> _Activity_
Search the entries for the word "Stud" and pull out each line that has it.

> _Extracted records_
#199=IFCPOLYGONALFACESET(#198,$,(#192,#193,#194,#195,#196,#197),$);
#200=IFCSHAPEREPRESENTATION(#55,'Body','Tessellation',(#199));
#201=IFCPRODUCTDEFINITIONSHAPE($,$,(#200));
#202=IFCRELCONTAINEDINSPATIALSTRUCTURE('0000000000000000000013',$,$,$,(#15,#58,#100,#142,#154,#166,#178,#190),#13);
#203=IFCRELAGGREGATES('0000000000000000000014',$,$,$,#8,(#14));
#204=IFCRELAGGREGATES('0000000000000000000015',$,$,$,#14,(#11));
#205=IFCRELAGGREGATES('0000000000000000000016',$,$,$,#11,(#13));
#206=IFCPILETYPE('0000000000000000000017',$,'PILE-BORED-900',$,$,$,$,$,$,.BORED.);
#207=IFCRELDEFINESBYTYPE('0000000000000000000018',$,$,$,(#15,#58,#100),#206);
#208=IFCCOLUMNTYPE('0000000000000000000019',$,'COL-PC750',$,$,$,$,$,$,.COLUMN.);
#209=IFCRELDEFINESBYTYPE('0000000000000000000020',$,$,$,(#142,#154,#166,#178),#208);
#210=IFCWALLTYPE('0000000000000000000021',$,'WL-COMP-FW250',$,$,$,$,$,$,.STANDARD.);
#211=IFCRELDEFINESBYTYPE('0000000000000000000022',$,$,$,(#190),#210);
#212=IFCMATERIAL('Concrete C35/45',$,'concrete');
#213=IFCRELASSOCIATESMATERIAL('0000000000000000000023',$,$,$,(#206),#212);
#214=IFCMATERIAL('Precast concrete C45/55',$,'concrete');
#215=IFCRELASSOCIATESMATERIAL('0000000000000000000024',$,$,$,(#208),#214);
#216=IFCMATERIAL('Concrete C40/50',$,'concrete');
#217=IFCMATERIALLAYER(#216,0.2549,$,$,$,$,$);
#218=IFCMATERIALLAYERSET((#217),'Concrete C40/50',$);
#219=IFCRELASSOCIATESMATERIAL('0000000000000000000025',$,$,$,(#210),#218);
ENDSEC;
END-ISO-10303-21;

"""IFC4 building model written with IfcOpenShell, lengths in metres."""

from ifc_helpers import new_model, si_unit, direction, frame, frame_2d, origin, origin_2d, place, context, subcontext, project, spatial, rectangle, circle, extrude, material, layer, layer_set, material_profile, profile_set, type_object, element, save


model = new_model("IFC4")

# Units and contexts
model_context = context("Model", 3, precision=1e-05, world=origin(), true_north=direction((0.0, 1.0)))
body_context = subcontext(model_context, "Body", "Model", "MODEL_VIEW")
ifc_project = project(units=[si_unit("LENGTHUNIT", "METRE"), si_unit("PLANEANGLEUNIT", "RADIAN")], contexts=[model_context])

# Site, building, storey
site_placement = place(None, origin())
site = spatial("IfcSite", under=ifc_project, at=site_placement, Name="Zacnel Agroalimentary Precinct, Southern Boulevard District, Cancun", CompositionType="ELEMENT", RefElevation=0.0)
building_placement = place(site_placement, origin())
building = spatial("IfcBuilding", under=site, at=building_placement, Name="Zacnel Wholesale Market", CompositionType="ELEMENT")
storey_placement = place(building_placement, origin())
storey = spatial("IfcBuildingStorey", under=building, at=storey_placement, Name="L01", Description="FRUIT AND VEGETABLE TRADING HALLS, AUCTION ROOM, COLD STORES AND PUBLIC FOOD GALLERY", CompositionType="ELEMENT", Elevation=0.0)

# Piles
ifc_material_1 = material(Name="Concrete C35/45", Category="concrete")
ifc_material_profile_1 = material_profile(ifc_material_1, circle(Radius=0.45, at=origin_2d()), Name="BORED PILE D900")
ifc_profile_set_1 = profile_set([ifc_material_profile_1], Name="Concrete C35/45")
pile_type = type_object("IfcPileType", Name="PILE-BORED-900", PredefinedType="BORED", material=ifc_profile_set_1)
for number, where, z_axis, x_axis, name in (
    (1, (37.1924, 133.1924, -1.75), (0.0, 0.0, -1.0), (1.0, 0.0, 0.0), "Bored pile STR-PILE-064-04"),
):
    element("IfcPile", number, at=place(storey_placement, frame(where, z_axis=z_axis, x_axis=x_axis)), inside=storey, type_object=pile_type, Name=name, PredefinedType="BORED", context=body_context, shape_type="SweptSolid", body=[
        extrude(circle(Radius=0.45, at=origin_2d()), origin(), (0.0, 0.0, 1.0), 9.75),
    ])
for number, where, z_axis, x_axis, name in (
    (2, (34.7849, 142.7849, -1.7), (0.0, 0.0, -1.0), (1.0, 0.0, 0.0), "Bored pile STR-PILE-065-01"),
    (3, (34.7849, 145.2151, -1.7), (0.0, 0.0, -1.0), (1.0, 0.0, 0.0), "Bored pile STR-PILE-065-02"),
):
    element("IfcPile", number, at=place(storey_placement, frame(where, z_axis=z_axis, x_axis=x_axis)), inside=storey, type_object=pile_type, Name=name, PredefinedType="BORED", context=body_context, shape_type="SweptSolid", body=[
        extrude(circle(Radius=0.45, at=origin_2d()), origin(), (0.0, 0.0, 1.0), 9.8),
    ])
==
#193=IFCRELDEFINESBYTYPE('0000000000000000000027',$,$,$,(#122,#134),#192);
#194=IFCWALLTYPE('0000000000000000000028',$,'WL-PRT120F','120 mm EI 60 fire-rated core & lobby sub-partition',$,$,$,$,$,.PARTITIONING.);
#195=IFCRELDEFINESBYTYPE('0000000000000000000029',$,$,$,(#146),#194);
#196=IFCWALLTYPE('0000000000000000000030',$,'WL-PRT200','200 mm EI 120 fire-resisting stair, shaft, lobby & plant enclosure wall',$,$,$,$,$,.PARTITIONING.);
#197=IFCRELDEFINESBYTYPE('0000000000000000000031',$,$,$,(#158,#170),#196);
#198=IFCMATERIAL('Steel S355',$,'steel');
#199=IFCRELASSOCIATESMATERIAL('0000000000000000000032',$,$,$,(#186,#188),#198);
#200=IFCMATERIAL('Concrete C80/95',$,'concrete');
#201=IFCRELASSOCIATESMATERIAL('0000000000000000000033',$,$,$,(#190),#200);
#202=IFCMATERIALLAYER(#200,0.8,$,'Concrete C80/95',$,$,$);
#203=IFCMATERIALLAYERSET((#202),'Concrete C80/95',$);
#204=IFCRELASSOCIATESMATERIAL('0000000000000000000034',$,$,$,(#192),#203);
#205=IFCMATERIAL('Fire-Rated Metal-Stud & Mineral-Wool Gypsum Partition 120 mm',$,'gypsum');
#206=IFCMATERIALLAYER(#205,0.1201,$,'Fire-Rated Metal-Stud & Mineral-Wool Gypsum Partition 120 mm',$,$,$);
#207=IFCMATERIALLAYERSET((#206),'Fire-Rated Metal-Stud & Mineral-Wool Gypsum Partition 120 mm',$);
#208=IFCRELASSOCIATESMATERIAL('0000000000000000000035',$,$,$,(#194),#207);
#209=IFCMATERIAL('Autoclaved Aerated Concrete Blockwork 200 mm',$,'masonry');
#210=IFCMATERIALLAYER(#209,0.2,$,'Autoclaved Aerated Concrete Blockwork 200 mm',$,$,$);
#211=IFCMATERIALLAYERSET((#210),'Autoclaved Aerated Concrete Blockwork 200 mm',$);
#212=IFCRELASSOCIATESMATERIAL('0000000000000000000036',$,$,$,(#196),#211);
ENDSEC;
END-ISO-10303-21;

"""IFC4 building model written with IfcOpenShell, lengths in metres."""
==
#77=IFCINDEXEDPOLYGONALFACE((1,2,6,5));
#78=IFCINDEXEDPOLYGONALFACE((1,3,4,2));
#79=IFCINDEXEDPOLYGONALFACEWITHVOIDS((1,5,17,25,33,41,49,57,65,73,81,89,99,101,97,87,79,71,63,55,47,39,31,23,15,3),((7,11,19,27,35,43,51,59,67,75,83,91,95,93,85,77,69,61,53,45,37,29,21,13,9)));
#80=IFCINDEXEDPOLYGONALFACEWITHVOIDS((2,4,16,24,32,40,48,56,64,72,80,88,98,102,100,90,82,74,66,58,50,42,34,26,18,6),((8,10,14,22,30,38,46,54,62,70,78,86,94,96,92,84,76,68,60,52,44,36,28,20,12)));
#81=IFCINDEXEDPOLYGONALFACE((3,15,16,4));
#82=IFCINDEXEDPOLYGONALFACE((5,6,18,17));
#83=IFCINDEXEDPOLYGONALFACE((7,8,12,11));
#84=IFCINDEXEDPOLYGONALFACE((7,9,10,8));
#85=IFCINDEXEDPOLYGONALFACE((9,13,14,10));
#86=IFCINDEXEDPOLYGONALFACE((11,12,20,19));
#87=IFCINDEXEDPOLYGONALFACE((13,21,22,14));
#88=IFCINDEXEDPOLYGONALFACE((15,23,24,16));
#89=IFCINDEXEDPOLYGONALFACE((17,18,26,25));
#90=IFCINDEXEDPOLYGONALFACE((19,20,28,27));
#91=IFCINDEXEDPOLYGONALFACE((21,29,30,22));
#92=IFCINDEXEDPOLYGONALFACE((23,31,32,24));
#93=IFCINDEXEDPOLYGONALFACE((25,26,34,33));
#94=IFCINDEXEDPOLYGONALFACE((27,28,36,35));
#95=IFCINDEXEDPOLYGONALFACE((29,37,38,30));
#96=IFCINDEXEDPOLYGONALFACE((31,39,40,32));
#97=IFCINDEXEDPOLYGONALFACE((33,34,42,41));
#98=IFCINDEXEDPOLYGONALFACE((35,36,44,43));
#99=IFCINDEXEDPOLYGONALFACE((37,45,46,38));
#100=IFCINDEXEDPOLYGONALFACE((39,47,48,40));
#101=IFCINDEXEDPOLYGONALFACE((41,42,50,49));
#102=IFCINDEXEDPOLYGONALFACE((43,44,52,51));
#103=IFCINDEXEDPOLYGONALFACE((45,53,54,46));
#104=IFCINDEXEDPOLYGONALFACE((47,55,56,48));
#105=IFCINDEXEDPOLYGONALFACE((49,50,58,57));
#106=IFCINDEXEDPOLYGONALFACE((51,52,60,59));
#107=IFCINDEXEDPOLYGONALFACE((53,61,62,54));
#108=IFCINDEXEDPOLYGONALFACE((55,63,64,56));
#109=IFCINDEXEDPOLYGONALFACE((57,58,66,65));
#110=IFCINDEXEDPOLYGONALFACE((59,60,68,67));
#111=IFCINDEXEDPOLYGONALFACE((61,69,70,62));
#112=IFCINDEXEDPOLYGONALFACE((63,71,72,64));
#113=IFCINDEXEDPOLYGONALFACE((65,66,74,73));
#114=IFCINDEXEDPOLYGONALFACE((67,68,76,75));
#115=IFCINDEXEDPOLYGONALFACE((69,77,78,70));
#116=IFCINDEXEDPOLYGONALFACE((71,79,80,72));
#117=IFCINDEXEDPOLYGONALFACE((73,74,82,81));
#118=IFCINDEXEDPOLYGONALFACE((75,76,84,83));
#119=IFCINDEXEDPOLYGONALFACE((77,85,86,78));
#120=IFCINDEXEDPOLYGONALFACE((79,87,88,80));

> _Result of the task_
#205=IFCMATERIAL('Fire-Rated Metal-Stud & Mineral-Wool Gypsum Partition 120 mm',$,'gypsum');
#206=IFCMATERIALLAYER(#205,0.1201,$,'Fire-Rated Metal-Stud & Mineral-Wool Gypsum Partition 120 mm',$,$,$);
#207=IFCMATERIALLAYERSET((#206),'Fire-Rated Metal-Stud & Mineral-Wool Gypsum Partition 120 mm',$);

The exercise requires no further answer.